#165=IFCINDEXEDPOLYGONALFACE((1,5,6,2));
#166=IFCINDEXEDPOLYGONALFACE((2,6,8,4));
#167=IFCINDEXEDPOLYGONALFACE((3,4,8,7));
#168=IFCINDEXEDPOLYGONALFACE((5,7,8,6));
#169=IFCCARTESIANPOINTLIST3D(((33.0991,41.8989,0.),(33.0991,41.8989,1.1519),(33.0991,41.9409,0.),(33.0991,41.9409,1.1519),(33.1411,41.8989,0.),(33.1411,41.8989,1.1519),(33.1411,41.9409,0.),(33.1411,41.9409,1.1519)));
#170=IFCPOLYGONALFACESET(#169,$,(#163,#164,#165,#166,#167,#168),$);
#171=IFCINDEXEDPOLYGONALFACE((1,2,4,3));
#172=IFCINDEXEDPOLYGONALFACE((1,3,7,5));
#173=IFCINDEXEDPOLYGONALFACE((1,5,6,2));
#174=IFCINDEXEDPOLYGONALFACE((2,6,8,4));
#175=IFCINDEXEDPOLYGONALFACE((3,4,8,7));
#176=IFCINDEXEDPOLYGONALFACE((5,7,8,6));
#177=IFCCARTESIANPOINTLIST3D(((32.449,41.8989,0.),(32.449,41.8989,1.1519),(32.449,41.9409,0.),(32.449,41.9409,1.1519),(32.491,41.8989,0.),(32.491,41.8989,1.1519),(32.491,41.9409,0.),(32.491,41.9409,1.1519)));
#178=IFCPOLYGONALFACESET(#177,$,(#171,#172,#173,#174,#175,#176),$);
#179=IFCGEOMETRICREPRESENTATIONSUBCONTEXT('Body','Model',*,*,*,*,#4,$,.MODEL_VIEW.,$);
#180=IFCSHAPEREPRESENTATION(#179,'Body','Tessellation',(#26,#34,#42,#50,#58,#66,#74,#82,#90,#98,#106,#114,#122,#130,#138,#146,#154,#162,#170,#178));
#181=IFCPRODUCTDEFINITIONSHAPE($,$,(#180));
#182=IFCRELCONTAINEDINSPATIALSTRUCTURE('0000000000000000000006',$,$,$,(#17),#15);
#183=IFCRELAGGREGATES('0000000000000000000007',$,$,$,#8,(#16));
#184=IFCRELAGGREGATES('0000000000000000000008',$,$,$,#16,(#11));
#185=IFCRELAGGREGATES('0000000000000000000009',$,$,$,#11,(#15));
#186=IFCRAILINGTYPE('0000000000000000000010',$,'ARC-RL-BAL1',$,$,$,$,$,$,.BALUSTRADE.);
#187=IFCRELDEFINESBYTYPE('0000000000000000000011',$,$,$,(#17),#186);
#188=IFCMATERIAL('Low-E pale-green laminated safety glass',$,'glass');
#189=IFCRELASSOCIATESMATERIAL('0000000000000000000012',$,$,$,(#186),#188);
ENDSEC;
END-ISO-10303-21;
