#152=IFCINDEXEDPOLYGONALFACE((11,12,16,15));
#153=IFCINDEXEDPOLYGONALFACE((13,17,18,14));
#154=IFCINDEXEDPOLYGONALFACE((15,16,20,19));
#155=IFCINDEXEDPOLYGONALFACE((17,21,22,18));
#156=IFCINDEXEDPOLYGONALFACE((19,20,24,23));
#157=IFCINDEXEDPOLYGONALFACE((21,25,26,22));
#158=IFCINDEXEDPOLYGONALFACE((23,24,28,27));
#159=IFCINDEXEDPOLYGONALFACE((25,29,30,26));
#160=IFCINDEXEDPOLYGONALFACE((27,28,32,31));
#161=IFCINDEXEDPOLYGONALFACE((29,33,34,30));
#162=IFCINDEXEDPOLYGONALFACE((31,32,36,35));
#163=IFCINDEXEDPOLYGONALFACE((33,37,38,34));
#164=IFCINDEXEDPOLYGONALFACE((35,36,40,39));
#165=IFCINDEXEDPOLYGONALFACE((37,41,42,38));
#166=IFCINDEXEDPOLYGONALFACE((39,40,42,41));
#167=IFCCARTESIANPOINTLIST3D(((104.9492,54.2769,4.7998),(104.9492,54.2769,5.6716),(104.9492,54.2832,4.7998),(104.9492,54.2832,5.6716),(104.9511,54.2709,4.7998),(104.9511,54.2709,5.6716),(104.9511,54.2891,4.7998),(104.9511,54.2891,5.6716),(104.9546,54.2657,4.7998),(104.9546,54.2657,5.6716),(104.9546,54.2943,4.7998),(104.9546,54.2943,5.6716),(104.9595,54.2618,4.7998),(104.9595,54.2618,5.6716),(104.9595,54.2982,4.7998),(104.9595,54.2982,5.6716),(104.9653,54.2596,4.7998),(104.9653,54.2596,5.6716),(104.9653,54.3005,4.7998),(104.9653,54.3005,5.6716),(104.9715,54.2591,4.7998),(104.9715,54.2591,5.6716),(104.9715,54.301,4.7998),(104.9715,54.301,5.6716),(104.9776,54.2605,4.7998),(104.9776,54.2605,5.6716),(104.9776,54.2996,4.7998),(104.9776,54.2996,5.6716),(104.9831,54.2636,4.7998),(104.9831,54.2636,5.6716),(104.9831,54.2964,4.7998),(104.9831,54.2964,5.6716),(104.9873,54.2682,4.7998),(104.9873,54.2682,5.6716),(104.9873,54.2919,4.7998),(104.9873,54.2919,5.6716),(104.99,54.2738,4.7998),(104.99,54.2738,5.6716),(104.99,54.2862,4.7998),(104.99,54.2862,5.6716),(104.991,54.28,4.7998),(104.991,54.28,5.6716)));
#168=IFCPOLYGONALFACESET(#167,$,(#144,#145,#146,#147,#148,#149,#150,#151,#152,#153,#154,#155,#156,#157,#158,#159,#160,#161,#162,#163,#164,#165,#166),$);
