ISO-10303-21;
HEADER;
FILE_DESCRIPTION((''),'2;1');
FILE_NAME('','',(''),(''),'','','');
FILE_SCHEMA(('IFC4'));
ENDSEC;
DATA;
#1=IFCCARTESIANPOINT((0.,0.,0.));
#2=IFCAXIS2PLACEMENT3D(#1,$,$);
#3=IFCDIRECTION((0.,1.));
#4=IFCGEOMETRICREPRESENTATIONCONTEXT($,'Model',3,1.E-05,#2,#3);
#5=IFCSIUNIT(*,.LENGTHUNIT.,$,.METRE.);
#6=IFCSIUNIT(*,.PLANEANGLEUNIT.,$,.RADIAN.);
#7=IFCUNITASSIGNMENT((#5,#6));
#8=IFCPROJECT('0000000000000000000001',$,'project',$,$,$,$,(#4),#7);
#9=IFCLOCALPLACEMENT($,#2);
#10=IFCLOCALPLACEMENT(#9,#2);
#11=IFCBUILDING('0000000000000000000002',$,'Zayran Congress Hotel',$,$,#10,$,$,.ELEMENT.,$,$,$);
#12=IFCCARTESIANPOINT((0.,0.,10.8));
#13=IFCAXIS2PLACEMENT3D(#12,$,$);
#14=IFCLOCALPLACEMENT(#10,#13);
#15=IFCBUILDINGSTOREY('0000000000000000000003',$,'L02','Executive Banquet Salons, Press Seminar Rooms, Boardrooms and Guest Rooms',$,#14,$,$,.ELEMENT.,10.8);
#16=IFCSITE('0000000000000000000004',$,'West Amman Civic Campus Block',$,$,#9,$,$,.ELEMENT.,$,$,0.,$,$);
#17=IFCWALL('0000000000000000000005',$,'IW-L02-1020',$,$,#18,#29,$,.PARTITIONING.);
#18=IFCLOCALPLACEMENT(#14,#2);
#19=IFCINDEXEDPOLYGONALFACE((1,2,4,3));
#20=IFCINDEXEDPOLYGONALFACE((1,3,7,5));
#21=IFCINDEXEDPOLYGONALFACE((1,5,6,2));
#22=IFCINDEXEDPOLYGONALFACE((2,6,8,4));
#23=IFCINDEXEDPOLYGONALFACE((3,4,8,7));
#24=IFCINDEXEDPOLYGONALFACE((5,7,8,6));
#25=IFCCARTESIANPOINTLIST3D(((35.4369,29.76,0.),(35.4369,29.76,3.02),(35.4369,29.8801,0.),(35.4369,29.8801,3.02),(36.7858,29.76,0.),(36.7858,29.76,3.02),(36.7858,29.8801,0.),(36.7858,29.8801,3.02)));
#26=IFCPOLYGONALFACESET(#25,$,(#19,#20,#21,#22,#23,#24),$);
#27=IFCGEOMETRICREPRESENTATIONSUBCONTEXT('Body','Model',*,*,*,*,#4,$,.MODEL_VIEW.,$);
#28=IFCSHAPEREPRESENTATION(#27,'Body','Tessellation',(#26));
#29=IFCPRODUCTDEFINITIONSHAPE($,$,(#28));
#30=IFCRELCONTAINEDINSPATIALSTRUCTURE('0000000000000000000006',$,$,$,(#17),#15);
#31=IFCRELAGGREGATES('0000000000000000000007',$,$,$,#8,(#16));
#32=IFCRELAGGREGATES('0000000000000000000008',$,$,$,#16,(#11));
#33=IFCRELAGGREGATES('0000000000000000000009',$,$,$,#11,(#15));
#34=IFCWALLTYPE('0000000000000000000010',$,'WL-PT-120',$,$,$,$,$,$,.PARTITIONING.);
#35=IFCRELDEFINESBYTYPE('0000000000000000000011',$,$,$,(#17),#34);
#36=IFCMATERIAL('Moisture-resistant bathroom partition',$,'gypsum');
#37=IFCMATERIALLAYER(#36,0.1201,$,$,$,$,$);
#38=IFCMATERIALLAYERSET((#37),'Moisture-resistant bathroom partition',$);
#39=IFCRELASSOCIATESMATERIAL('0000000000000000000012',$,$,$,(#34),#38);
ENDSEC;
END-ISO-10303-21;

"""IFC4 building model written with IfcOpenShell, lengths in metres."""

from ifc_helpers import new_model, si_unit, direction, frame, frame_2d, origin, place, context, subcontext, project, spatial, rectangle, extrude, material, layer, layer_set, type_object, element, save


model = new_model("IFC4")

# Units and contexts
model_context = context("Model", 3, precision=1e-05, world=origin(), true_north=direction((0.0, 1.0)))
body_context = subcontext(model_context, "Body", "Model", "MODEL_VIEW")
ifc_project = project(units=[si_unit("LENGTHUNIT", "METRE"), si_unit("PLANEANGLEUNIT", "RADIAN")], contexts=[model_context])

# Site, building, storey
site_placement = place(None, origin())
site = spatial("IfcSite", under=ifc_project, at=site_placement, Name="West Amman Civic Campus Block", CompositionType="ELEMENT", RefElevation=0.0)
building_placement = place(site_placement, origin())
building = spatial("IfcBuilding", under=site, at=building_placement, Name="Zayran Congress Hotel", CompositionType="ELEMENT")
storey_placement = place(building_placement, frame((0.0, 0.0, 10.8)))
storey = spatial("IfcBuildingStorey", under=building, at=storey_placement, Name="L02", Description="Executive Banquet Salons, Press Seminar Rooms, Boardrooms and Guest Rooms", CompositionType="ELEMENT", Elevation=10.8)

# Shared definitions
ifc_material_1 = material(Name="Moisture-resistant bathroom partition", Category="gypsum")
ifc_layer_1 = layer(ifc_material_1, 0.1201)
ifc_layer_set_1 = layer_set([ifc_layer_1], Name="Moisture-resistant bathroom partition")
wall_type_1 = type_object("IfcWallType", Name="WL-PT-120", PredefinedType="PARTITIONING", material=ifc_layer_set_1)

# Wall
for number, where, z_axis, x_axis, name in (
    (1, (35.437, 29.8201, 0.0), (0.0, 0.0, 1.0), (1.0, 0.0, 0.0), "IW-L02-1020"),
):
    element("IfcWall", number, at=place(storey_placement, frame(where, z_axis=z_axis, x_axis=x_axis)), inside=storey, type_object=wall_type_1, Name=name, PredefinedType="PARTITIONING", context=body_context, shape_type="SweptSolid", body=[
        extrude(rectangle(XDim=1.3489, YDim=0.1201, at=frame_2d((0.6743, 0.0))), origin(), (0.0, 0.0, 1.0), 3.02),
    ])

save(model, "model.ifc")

WHAT THE EXERCISE ASKS | Within the listing above, extract exactly the lines from the line with "#22=IFCINDEXEDPOLYGONALFACE((2,6,8,4));" to the line with "#37=IFCMATERIALLAYER(#36,0.1201,$,$,$,$,$);", the two named lines included, and no others.

RESPONSE |
#22=IFCINDEXEDPOLYGONALFACE((2,6,8,4));
#23=IFCINDEXEDPOLYGONALFACE((3,4,8,7));
#24=IFCINDEXEDPOLYGONALFACE((5,7,8,6));
#25=IFCCARTESIANPOINTLIST3D(((35.4369,29.76,0.),(35.4369,29.76,3.02),(35.4369,29.8801,0.),(35.4369,29.8801,3.02),(36.7858,29.76,0.),(36.7858,29.76,3.02),(36.7858,29.8801,0.),(36.7858,29.8801,3.02)));
#26=IFCPOLYGONALFACESET(#25,$,(#19,#20,#21,#22,#23,#24),$);
#27=IFCGEOMETRICREPRESENTATIONSUBCONTEXT('Body','Model',*,*,*,*,#4,$,.MODEL_VIEW.,$);
#28=IFCSHAPEREPRESENTATION(#27,'Body','Tessellation',(#26));
#29=IFCPRODUCTDEFINITIONSHAPE($,$,(#28));
#30=IFCRELCONTAINEDINSPATIALSTRUCTURE('0000000000000000000006',$,$,$,(#17),#15);
#31=IFCRELAGGREGATES('0000000000000000000007',$,$,$,#8,(#16));
#32=IFCRELAGGREGATES('0000000000000000000008',$,$,$,#16,(#11));
#33=IFCRELAGGREGATES('0000000000000000000009',$,$,$,#11,(#15));
#34=IFCWALLTYPE('0000000000000000000010',$,'WL-PT-120',$,$,$,$,$,$,.PARTITIONING.);
#35=IFCRELDEFINESBYTYPE('0000000000000000000011',$,$,$,(#17),#34);
#36=IFCMATERIAL('Moisture-resistant bathroom partition',$,'gypsum');
#37=IFCMATERIALLAYER(#36,0.1201,$,$,$,$,$);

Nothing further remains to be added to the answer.